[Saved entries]

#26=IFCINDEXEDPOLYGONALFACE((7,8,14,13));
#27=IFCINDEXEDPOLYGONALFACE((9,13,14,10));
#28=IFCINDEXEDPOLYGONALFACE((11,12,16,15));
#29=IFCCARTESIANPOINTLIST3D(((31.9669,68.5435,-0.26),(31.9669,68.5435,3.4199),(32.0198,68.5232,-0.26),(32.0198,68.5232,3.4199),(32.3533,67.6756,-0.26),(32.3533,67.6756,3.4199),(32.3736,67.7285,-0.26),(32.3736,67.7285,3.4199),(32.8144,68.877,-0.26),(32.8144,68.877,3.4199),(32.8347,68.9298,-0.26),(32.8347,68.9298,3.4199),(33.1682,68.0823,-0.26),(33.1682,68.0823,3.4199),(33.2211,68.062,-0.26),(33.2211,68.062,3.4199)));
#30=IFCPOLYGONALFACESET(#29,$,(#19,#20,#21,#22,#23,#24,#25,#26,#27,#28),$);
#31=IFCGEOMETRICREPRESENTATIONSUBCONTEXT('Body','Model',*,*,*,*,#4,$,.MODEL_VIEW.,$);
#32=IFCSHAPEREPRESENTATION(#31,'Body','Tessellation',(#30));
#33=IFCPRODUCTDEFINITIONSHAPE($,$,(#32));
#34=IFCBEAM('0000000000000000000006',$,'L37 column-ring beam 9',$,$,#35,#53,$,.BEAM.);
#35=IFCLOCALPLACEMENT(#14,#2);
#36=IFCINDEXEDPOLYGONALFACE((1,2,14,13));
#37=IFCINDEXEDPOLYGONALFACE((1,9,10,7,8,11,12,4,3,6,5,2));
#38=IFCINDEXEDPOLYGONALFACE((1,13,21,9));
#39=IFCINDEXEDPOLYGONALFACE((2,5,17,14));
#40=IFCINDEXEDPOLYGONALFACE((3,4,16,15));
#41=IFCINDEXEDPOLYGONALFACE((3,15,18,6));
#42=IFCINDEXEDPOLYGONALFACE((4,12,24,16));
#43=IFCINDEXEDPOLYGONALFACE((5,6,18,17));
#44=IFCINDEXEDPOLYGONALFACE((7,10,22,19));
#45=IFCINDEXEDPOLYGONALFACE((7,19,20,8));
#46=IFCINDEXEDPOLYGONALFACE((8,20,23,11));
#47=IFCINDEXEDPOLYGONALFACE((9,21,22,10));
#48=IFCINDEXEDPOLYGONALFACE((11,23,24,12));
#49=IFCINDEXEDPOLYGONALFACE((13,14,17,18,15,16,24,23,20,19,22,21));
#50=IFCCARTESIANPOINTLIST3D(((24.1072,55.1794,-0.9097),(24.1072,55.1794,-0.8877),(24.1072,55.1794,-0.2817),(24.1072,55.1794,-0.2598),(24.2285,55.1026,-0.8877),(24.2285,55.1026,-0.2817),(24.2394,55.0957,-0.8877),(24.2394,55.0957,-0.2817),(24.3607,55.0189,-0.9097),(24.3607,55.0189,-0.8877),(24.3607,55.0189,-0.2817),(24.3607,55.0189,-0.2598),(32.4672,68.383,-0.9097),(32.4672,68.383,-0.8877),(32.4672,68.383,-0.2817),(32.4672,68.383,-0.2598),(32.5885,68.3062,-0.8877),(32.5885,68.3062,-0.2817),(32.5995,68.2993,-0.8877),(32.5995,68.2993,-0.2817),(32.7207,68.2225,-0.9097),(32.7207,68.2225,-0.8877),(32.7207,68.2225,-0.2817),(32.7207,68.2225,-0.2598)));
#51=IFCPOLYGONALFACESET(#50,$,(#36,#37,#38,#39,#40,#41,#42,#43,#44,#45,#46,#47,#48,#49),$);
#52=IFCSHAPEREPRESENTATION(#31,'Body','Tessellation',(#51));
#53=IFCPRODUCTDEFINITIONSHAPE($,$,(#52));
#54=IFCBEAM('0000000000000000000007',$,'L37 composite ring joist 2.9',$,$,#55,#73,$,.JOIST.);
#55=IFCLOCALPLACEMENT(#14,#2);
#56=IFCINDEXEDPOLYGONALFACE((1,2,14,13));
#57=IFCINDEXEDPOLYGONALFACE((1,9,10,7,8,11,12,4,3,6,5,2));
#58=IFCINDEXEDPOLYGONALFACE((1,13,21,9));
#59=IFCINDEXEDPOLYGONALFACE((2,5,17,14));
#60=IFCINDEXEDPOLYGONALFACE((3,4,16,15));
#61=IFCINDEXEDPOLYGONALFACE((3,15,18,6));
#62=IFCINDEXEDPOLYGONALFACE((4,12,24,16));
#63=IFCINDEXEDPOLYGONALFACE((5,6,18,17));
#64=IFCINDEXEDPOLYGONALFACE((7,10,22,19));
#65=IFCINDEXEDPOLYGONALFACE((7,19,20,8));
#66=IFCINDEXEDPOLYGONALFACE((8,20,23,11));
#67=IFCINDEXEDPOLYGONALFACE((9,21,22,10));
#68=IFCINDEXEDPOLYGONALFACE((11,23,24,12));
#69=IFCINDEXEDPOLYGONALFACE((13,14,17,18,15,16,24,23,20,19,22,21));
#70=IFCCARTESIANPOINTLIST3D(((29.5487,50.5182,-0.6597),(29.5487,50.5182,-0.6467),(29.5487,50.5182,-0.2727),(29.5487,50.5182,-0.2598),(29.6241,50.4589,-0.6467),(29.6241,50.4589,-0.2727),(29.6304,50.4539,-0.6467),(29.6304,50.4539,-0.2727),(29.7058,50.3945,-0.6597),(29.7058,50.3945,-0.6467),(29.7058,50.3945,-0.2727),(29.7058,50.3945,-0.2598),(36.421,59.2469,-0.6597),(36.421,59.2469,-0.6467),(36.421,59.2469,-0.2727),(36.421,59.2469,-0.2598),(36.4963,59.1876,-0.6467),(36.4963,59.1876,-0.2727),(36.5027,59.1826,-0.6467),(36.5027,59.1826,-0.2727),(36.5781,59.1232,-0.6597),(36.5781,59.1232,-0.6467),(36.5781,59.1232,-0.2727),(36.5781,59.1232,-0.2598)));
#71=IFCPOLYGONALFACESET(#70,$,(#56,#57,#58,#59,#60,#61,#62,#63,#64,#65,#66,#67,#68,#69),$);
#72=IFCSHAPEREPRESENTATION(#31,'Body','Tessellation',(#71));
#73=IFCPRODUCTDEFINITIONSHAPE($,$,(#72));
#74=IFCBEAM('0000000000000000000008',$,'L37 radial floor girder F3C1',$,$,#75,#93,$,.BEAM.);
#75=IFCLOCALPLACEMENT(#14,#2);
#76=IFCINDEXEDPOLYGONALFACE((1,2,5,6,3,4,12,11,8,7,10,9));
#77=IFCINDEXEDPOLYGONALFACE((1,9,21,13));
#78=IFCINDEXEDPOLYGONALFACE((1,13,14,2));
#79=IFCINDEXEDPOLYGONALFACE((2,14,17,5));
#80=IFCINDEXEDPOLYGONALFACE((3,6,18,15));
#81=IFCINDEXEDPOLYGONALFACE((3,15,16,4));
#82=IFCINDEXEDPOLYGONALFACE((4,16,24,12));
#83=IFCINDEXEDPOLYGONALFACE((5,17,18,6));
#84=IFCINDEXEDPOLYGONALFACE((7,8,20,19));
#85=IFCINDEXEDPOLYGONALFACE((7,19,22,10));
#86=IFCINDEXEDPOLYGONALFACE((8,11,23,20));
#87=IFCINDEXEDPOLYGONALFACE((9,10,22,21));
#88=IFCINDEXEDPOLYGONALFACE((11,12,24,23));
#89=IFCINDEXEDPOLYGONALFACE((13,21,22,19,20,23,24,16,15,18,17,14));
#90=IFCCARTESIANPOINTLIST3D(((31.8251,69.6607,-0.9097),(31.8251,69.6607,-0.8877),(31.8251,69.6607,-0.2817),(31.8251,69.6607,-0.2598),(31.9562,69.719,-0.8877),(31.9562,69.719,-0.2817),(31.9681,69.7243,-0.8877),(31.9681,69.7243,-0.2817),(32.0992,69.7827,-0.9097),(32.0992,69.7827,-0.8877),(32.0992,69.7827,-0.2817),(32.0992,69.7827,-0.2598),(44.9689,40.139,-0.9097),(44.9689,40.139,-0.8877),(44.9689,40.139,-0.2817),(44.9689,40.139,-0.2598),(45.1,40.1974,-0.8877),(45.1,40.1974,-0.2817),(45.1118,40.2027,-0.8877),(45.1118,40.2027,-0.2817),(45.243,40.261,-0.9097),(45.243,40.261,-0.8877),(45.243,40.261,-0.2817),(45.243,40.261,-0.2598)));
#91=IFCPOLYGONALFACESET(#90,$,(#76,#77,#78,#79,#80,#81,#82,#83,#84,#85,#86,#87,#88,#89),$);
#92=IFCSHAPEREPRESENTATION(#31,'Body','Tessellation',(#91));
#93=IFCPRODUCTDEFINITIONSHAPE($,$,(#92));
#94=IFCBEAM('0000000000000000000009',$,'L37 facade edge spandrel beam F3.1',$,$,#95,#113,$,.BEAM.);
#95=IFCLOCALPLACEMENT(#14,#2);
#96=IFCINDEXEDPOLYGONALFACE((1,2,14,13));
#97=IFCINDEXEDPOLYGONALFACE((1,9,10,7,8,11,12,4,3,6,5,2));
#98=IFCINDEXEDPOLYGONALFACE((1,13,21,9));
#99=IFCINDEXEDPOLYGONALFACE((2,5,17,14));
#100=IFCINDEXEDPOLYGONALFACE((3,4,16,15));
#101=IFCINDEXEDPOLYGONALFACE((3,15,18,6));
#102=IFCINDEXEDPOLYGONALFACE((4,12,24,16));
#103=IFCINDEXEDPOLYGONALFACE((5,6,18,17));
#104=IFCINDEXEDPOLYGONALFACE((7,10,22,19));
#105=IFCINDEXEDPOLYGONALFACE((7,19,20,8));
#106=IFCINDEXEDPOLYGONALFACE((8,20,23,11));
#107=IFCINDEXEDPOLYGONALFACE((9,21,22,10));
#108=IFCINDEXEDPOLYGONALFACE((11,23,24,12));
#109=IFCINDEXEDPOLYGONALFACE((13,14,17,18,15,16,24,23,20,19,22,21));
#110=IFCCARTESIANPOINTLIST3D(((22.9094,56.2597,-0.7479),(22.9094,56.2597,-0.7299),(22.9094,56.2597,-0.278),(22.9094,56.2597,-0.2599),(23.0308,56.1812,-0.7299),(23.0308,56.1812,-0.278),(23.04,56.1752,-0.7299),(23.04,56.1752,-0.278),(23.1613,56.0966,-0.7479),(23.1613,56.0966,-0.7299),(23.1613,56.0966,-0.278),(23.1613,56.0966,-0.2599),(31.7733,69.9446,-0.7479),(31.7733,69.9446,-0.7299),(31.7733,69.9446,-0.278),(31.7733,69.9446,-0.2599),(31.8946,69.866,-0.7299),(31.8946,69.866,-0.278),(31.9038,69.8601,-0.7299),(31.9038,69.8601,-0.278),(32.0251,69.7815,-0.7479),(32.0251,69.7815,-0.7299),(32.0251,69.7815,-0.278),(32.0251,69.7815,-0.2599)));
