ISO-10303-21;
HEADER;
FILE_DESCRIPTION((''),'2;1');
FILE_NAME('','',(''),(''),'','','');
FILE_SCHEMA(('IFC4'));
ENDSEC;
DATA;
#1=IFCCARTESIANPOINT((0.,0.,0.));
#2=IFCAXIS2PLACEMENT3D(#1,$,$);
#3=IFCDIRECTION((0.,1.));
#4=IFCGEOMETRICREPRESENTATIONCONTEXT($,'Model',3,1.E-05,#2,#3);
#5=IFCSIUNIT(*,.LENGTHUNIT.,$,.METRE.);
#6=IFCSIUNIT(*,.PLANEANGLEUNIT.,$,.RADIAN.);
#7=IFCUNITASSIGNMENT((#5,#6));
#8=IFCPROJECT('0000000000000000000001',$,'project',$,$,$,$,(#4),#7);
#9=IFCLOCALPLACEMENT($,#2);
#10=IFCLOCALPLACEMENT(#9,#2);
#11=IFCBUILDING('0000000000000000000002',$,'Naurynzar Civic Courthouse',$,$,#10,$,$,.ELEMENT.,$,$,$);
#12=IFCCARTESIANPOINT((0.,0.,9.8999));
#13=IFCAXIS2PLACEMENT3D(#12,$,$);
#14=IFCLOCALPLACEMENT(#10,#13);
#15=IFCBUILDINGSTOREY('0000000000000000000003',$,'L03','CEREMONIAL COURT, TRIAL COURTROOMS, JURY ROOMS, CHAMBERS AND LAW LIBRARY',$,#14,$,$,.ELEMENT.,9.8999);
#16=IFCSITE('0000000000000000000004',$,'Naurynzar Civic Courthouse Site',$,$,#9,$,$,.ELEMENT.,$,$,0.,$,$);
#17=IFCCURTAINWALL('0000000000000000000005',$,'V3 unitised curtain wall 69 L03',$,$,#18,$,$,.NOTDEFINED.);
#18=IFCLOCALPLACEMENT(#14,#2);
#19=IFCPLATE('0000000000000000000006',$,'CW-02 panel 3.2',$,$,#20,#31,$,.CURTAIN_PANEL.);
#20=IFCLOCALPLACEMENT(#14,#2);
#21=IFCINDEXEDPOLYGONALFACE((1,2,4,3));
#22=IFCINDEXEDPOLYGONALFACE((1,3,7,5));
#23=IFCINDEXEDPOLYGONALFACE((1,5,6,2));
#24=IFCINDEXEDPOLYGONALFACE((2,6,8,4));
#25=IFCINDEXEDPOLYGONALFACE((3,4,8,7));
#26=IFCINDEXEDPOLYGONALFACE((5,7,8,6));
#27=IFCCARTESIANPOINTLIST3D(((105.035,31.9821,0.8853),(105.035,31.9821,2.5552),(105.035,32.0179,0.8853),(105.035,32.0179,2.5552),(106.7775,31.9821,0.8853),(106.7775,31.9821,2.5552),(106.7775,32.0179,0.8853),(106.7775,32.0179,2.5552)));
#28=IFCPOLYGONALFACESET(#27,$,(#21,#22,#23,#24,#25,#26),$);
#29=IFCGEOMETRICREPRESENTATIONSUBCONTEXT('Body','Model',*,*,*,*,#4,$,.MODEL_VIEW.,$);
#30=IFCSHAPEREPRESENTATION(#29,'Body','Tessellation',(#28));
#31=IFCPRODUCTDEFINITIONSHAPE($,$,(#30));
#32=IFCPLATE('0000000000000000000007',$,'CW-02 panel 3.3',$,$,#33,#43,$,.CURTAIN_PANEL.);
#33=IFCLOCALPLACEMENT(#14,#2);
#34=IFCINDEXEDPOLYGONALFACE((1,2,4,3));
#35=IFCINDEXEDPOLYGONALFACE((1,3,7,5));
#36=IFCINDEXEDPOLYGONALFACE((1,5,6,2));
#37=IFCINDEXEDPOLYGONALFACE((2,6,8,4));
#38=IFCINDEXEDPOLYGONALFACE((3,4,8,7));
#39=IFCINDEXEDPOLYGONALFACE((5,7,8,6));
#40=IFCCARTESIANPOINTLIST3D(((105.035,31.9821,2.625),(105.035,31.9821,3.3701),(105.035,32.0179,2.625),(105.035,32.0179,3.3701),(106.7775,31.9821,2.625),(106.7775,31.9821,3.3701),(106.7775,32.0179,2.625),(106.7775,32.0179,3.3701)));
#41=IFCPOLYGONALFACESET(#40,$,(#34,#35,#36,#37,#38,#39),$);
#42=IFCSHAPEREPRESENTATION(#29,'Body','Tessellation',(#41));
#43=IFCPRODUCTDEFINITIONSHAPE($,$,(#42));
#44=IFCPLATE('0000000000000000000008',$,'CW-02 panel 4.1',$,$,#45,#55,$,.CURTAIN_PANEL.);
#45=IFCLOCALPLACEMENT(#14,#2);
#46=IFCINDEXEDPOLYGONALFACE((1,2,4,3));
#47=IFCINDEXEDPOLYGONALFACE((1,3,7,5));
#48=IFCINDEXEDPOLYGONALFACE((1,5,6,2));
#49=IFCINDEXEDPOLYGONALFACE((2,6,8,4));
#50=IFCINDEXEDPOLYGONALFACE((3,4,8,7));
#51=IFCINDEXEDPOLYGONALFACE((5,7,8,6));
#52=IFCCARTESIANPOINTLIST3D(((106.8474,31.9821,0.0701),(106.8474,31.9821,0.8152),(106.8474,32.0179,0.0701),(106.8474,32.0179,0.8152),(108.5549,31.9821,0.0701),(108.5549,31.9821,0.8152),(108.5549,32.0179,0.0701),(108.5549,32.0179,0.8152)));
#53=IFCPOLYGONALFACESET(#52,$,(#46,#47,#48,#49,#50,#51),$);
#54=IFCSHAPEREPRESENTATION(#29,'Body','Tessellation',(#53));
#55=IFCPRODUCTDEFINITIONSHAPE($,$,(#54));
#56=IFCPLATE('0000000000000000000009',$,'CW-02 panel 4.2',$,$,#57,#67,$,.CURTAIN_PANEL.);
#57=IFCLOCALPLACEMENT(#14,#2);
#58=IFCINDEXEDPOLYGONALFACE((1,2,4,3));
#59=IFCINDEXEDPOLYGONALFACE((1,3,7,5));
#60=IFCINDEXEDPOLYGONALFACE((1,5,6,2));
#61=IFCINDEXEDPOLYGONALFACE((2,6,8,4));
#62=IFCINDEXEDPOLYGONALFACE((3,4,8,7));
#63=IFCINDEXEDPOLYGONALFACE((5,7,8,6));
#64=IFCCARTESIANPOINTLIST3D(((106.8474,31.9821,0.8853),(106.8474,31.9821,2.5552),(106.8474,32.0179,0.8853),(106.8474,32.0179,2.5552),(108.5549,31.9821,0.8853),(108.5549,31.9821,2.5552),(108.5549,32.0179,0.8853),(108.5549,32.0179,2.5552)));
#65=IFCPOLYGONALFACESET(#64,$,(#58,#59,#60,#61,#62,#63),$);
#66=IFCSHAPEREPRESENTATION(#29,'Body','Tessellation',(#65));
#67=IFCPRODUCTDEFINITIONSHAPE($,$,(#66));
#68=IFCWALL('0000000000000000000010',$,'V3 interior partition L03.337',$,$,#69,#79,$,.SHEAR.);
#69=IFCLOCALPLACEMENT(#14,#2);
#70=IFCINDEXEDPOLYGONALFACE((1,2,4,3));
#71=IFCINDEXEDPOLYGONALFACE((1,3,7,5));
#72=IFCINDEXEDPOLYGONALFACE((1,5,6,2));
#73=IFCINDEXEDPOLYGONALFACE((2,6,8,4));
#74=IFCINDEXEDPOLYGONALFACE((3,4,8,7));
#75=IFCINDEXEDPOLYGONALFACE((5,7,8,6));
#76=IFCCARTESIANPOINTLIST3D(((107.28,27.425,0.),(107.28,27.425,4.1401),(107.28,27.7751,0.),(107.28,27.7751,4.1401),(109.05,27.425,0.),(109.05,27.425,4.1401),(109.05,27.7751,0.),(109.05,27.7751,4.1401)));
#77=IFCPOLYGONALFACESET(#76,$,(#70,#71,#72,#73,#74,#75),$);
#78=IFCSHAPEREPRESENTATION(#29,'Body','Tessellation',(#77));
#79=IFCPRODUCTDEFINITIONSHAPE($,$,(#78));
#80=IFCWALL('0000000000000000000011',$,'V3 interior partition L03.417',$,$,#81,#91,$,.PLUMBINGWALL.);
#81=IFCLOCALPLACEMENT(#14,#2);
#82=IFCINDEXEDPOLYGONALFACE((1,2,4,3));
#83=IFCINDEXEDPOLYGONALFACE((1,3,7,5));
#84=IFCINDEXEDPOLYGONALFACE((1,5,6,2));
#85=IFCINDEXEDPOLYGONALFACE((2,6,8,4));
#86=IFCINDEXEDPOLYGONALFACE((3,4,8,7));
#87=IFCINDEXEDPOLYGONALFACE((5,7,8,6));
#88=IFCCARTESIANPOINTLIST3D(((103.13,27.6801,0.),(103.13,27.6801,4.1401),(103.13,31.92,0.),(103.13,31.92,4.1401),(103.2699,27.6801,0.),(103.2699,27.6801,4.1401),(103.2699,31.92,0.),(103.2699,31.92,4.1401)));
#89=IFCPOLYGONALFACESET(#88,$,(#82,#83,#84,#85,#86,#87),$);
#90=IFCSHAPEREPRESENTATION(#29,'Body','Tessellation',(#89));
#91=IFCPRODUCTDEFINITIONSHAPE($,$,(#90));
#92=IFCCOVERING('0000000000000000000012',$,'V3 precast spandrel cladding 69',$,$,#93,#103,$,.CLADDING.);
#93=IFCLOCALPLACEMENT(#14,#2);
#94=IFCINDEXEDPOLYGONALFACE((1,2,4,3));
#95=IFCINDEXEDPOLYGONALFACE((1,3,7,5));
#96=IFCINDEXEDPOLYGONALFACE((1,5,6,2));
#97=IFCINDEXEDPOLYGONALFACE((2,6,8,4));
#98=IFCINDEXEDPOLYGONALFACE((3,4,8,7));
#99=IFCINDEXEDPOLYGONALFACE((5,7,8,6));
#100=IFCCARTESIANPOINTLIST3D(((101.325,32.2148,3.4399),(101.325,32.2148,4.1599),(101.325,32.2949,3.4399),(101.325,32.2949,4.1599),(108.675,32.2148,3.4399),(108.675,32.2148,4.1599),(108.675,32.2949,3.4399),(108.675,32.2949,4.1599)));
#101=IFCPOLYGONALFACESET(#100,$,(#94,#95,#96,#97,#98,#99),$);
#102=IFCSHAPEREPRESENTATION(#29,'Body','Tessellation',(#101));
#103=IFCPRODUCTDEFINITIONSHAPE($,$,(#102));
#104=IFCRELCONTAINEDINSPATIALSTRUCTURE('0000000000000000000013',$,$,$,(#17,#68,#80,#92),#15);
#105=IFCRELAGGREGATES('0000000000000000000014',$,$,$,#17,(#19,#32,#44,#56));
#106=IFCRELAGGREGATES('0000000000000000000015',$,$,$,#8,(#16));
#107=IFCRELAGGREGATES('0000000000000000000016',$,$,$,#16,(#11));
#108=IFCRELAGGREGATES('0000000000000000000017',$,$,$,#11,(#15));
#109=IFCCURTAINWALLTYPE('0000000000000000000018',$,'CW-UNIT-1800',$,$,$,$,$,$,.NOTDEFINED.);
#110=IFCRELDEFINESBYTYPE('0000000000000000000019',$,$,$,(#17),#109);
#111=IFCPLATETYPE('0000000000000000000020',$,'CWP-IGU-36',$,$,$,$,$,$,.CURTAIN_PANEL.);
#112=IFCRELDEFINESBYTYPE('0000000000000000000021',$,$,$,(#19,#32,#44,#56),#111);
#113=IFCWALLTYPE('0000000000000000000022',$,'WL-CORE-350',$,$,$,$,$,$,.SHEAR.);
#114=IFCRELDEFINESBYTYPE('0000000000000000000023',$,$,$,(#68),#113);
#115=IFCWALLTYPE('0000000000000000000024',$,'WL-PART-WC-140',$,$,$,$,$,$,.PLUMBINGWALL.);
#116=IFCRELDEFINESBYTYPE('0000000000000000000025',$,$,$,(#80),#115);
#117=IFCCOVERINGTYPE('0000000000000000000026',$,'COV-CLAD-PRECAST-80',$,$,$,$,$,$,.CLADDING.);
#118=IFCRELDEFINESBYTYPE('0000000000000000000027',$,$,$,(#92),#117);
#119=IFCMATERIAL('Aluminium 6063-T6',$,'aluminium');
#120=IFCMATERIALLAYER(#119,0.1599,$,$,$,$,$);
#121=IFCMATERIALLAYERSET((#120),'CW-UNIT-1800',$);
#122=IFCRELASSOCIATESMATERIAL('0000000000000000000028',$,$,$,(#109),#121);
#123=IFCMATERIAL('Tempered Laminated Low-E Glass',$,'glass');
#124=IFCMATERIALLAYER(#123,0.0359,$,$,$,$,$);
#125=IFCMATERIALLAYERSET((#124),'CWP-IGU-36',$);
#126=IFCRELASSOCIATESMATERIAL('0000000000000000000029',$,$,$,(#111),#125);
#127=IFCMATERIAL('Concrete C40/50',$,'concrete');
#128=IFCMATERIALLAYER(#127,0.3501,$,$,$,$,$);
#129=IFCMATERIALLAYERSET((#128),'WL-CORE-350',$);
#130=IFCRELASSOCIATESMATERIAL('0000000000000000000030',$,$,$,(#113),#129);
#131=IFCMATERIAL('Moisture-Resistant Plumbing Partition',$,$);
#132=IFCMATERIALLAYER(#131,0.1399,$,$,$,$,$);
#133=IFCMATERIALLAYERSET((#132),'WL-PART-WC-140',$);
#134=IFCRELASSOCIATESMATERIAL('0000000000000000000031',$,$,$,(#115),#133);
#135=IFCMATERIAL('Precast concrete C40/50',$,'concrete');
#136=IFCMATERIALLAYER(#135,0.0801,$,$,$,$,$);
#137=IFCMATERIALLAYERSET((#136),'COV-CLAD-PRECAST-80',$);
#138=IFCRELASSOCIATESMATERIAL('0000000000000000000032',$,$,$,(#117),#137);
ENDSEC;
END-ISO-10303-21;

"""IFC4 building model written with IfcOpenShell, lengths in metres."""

from ifc_helpers import new_model, si_unit, direction, frame, frame_2d, origin, origin_2d, place, context, subcontext, project, spatial, rectangle, extrude, material, layer, layer_set, type_object, element, aggregate, save


model = new_model("IFC4")

# Units and contexts
model_context = context("Model", 3, precision=1e-05, world=origin(), true_north=direction((0.0, 1.0)))
body_context = subcontext(model_context, "Body", "Model", "MODEL_VIEW")
ifc_project = project(units=[si_unit("LENGTHUNIT", "METRE"), si_unit("PLANEANGLEUNIT", "RADIAN")], contexts=[model_context])

# Site, building, storey
site_placement = place(None, origin())
site = spatial("IfcSite", under=ifc_project, at=site_placement, Name="Naurynzar Civic Courthouse Site", CompositionType="ELEMENT", RefElevation=0.0)
building_placement = place(site_placement, origin())
building = spatial("IfcBuilding", under=site, at=building_placement, Name="Naurynzar Civic Courthouse", CompositionType="ELEMENT")
storey_placement = place(building_placement, frame((0.0, 0.0, 9.8999)))
storey = spatial("IfcBuildingStorey", under=building, at=storey_placement, Name="L03", Description="CEREMONIAL COURT, TRIAL COURTROOMS, JURY ROOMS, CHAMBERS AND LAW LIBRARY", CompositionType="ELEMENT", Elevation=9.8999)

# Curtain wall, plates
ifc_material_1 = material(Name="Aluminium 6063-T6", Category="aluminium")
ifc_layer_1 = layer(ifc_material_1, 0.1599)
ifc_layer_set_1 = layer_set([ifc_layer_1], Name="CW-UNIT-1800")
curtain_wall_type = type_object("IfcCurtainWallType", Name="CW-UNIT-1800", PredefinedType="NOTDEFINED", material=ifc_layer_set_1)
curtain_wall_placement = place(storey_placement, origin())
curtain_wall = element("IfcCurtainWall", 1, at=curtain_wall_placement, inside=storey, type_object=curtain_wall_type, Name="V3 unitised curtain wall 69 L03", PredefinedType="NOTDEFINED")
ifc_material_2 = material(Name="Tempered Laminated Low-E Glass", Category="glass")
ifc_layer_2 = layer(ifc_material_2, 0.0359)
ifc_layer_set_2 = layer_set([ifc_layer_2], Name="CWP-IGU-36")
plate_type = type_object("IfcPlateType", Name="CWP-IGU-36", PredefinedType="CURTAIN_PANEL", material=ifc_layer_set_2)
plate_1_placement = place(storey_placement, frame((105.9062, 32.0, 0.8853), z_axis=(0.0, 0.0, 1.0), x_axis=(1.0, 0.0, 0.0)))
plate_1 = element("IfcPlate", 2, at=plate_1_placement, type_object=plate_type, Name="CW-02 panel 3.2", PredefinedType="CURTAIN_PANEL", context=body_context, shape_type="SweptSolid", body=[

# [Task prompt]
Using the records above, report how many lines include "IFCSHAPEREPRESENTATION", with no words around the number.

# [The answer]
11